• [PROBLEM REQUIREMENTS]
Carry over every entry exactly as it appears in the records.

[Stored items]
:::::

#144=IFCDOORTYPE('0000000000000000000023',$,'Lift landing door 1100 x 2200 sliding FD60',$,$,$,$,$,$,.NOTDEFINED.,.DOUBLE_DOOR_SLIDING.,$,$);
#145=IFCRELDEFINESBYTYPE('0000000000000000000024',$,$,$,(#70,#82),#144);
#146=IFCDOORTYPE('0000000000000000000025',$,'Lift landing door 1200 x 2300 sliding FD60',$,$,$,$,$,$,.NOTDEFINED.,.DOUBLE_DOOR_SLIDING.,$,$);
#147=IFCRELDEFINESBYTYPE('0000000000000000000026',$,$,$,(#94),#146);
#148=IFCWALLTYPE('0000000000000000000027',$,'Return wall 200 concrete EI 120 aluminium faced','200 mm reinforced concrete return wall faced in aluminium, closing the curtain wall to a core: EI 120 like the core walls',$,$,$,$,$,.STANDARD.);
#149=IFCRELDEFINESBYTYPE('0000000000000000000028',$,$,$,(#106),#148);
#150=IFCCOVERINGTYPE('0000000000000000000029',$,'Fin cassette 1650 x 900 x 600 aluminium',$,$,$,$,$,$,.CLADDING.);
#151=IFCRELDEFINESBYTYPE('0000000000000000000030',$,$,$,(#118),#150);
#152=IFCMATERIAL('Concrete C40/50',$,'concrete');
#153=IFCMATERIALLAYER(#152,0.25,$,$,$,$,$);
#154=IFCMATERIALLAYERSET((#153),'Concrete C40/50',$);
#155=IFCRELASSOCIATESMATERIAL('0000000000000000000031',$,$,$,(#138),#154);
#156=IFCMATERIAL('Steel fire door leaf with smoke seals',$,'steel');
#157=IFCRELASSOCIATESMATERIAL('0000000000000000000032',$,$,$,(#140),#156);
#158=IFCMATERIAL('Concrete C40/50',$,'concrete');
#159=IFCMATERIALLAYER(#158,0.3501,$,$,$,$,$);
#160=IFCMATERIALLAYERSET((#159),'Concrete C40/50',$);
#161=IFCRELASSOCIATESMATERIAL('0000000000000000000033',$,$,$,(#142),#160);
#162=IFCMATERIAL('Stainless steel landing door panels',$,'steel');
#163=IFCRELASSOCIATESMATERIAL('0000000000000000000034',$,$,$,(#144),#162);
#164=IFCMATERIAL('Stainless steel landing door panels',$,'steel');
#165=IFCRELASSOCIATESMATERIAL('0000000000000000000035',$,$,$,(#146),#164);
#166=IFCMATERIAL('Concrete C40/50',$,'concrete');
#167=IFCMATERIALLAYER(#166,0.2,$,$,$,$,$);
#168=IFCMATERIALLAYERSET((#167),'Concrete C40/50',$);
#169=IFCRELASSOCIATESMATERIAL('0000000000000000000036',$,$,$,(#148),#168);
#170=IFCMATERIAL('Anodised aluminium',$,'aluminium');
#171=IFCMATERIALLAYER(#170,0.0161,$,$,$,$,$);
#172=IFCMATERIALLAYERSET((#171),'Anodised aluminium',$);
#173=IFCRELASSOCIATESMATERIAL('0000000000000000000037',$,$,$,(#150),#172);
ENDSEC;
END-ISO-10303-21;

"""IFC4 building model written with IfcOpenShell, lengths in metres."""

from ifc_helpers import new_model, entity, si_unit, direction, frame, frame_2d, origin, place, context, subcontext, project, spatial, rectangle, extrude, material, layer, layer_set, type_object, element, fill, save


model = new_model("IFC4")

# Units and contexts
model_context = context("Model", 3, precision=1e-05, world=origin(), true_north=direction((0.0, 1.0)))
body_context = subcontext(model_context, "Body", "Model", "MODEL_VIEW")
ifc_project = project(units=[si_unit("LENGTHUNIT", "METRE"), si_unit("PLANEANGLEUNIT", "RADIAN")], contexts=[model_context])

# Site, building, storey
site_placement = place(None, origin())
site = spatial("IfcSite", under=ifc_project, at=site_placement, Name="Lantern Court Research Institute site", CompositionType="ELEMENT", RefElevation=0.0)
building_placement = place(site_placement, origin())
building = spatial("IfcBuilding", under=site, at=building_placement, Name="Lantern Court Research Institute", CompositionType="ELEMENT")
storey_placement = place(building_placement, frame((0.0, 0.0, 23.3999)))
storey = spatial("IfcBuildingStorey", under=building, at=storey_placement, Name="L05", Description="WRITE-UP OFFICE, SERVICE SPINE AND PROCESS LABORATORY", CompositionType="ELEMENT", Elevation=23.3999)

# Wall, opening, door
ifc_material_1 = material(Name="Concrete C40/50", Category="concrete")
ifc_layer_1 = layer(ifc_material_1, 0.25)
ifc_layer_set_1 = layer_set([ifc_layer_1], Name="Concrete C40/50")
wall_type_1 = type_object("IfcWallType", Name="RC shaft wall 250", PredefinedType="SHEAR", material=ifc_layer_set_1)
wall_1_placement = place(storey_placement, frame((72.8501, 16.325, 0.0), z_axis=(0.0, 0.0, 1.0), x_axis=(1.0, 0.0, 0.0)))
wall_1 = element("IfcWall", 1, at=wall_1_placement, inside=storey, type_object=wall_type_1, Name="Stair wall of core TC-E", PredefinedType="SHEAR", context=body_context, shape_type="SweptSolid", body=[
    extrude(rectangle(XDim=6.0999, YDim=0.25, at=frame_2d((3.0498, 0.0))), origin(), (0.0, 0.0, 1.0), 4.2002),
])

:::::

• [SOLUTION]
#144=IFCDOORTYPE('0000000000000000000023',$,'Lift landing door 1100 x 2200 sliding FD60',$,$,$,$,$,$,.NOTDEFINED.,.DOUBLE_DOOR_SLIDING.,$,$);
#145=IFCRELDEFINESBYTYPE('0000000000000000000024',$,$,$,(#70,#82),#144);
#146=IFCDOORTYPE('0000000000000000000025',$,'Lift landing door 1200 x 2300 sliding FD60',$,$,$,$,$,$,.NOTDEFINED.,.DOUBLE_DOOR_SLIDING.,$,$);
#147=IFCRELDEFINESBYTYPE('0000000000000000000026',$,$,$,(#94),#146);
#148=IFCWALLTYPE('0000000000000000000027',$,'Return wall 200 concrete EI 120 aluminium faced','200 mm reinforced concrete return wall faced in aluminium, closing the curtain wall to a core: EI 120 like the core walls',$,$,$,$,$,.STANDARD.);
#149=IFCRELDEFINESBYTYPE('0000000000000000000028',$,$,$,(#106),#148);
#150=IFCCOVERINGTYPE('0000000000000000000029',$,'Fin cassette 1650 x 900 x 600 aluminium',$,$,$,$,$,$,.CLADDING.);
#151=IFCRELDEFINESBYTYPE('0000000000000000000030',$,$,$,(#118),#150);
#152=IFCMATERIAL('Concrete C40/50',$,'concrete');
#153=IFCMATERIALLAYER(#152,0.25,$,$,$,$,$);
#154=IFCMATERIALLAYERSET((#153),'Concrete C40/50',$);
#155=IFCRELASSOCIATESMATERIAL('0000000000000000000031',$,$,$,(#138),#154);
#156=IFCMATERIAL('Steel fire door leaf with smoke seals',$,'steel');
#157=IFCRELASSOCIATESMATERIAL('0000000000000000000032',$,$,$,(#140),#156);
#158=IFCMATERIAL('Concrete C40/50',$,'concrete');
#159=IFCMATERIALLAYER(#158,0.3501,$,$,$,$,$);
#160=IFCMATERIALLAYERSET((#159),'Concrete C40/50',$);
#161=IFCRELASSOCIATESMATERIAL('0000000000000000000033',$,$,$,(#142),#160);
#162=IFCMATERIAL('Stainless steel landing door panels',$,'steel');
#163=IFCRELASSOCIATESMATERIAL('0000000000000000000034',$,$,$,(#144),#162);
#164=IFCMATERIAL('Stainless steel landing door panels',$,'steel');
#165=IFCRELASSOCIATESMATERIAL('0000000000000000000035',$,$,$,(#146),#164);
#166=IFCMATERIAL('Concrete C40/50',$,'concrete');
#167=IFCMATERIALLAYER(#166,0.2,$,$,$,$,$);
#168=IFCMATERIALLAYERSET((#167),'Concrete C40/50',$);
#169=IFCRELASSOCIATESMATERIAL('0000000000000000000036',$,$,$,(#148),#168);
#170=IFCMATERIAL('Anodised aluminium',$,'aluminium');
#171=IFCMATERIALLAYER(#170,0.0161,$,$,$,$,$);
#172=IFCMATERIALLAYERSET((#171),'Anodised aluminium',$);
#173=IFCRELASSOCIATESMATERIAL('0000000000000000000037',$,$,$,(#150),#172);
ENDSEC;
END-ISO-10303-21;

"""IFC4 building model written with IfcOpenShell, lengths in metres."""

from ifc_helpers import new_model, entity, si_unit, direction, frame, frame_2d, origin, place, context, subcontext, project, spatial, rectangle, extrude, material, layer, layer_set, type_object, element, fill, save


model = new_model("IFC4")

# Units and contexts
model_context = context("Model", 3, precision=1e-05, world=origin(), true_north=direction((0.0, 1.0)))
body_context = subcontext(model_context, "Body", "Model", "MODEL_VIEW")
ifc_project = project(units=[si_unit("LENGTHUNIT", "METRE"), si_unit("PLANEANGLEUNIT", "RADIAN")], contexts=[model_context])

# Site, building, storey
site_placement = place(None, origin())
site = spatial("IfcSite", under=ifc_project, at=site_placement, Name="Lantern Court Research Institute site", CompositionType="ELEMENT", RefElevation=0.0)
building_placement = place(site_placement, origin())
building = spatial("IfcBuilding", under=site, at=building_placement, Name="Lantern Court Research Institute", CompositionType="ELEMENT")
storey_placement = place(building_placement, frame((0.0, 0.0, 23.3999)))
storey = spatial("IfcBuildingStorey", under=building, at=storey_placement, Name="L05", Description="WRITE-UP OFFICE, SERVICE SPINE AND PROCESS LABORATORY", CompositionType="ELEMENT", Elevation=23.3999)

# Wall, opening, door
ifc_material_1 = material(Name="Concrete C40/50", Category="concrete")
ifc_layer_1 = layer(ifc_material_1, 0.25)
ifc_layer_set_1 = layer_set([ifc_layer_1], Name="Concrete C40/50")
wall_type_1 = type_object("IfcWallType", Name="RC shaft wall 250", PredefinedType="SHEAR", material=ifc_layer_set_1)
wall_1_placement = place(storey_placement, frame((72.8501, 16.325, 0.0), z_axis=(0.0, 0.0, 1.0), x_axis=(1.0, 0.0, 0.0)))
wall_1 = element("IfcWall", 1, at=wall_1_placement, inside=storey, type_object=wall_type_1, Name="Stair wall of core TC-E", PredefinedType="SHEAR", context=body_context, shape_type="SweptSolid", body=[
    extrude(rectangle(XDim=6.0999, YDim=0.25, at=frame_2d((3.0498, 0.0))), origin(), (0.0, 0.0, 1.0), 4.2002),
])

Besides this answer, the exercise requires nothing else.